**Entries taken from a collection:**
=== Begin Enclosure ===

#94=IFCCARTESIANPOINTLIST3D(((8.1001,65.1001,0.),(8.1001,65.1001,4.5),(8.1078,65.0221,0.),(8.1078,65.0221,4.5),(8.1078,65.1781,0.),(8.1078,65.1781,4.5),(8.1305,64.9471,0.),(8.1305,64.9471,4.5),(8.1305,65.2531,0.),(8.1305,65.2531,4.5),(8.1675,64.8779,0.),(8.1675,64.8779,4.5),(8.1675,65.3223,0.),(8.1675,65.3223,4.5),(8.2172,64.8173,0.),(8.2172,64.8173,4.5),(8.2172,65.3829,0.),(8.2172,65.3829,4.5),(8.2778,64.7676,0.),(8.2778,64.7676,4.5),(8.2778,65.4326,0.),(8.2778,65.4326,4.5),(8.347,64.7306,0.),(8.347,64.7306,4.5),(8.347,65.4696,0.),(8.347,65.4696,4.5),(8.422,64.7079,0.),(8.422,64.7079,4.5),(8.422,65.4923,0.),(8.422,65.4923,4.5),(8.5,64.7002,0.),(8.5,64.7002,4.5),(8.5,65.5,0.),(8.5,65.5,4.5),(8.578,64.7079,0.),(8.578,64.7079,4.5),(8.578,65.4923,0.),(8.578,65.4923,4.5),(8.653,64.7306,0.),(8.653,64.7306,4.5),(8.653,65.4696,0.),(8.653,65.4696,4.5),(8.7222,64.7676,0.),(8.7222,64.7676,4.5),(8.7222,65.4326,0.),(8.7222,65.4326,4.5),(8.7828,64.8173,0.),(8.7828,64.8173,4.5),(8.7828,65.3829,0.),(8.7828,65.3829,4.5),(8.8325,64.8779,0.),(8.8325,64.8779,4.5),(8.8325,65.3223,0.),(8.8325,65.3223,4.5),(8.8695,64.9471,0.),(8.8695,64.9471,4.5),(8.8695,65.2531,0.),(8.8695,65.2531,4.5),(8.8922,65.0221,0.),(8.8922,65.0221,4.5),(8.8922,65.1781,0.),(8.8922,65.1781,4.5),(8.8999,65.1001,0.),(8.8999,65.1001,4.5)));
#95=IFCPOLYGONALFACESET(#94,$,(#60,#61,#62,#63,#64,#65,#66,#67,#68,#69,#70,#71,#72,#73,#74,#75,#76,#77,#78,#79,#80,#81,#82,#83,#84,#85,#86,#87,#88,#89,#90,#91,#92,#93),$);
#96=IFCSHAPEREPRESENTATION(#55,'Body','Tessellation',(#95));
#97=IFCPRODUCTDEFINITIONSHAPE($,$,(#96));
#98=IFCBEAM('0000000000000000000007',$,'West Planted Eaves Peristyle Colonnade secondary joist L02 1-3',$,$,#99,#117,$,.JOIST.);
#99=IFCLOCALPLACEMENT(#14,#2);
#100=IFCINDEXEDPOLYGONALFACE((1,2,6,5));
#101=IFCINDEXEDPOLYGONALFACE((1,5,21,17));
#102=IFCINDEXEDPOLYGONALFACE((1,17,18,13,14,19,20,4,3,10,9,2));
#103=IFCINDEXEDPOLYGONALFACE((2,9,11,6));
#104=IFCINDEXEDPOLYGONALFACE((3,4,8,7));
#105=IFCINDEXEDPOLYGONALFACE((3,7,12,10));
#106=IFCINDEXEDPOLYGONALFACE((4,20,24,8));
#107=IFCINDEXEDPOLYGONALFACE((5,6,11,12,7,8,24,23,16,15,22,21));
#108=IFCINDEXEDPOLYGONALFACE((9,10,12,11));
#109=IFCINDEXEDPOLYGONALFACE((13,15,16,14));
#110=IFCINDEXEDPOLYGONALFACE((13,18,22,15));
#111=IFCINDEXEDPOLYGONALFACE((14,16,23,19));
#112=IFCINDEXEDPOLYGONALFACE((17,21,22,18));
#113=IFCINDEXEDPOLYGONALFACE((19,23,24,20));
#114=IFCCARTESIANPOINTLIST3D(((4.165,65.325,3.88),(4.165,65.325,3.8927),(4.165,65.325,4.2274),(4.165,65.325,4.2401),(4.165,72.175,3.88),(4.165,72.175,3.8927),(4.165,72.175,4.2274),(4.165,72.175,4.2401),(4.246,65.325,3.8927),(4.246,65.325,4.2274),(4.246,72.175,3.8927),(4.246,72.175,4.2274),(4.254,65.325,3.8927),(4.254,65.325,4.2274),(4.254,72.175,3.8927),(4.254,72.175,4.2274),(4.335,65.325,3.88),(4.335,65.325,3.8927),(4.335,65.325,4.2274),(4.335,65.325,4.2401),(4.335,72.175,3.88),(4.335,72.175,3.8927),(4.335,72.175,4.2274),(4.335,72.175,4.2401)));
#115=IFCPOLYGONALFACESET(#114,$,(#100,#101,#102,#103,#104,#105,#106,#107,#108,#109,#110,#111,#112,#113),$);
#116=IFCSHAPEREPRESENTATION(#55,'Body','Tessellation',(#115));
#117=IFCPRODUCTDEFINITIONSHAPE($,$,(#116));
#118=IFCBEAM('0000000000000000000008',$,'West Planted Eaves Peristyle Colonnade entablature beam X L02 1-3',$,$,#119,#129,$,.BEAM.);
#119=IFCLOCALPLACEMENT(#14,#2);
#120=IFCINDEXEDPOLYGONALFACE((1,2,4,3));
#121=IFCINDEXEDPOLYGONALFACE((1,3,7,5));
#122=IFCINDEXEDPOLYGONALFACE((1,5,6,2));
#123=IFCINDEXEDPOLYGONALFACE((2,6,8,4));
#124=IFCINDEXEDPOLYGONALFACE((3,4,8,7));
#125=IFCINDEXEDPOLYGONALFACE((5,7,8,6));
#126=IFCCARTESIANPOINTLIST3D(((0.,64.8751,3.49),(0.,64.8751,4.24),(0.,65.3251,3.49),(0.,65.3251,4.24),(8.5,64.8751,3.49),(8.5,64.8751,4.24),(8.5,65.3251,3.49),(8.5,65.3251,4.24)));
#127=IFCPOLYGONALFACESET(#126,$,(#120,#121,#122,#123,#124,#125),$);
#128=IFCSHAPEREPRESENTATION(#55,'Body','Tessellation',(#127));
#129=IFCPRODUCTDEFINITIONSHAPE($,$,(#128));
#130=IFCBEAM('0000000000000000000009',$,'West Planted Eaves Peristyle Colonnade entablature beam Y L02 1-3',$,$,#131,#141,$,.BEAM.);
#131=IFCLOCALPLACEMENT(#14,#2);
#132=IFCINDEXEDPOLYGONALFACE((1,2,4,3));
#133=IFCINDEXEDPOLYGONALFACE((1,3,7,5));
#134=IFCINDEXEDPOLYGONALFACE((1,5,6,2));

=== End Enclosure ===

Write out exactly the lines above from the line with "#102=IFCINDEXEDPOLYGONALFACE((1,17,18,13,14,19,20,4,3,10,9,2));" through the line with "#106=IFCINDEXEDPOLYGONALFACE((4,20,24,8));", both of them included, and leave out all other lines.

#102=IFCINDEXEDPOLYGONALFACE((1,17,18,13,14,19,20,4,3,10,9,2));
#103=IFCINDEXEDPOLYGONALFACE((2,9,11,6));
#104=IFCINDEXEDPOLYGONALFACE((3,4,8,7));
#105=IFCINDEXEDPOLYGONALFACE((3,7,12,10));
#106=IFCINDEXEDPOLYGONALFACE((4,20,24,8));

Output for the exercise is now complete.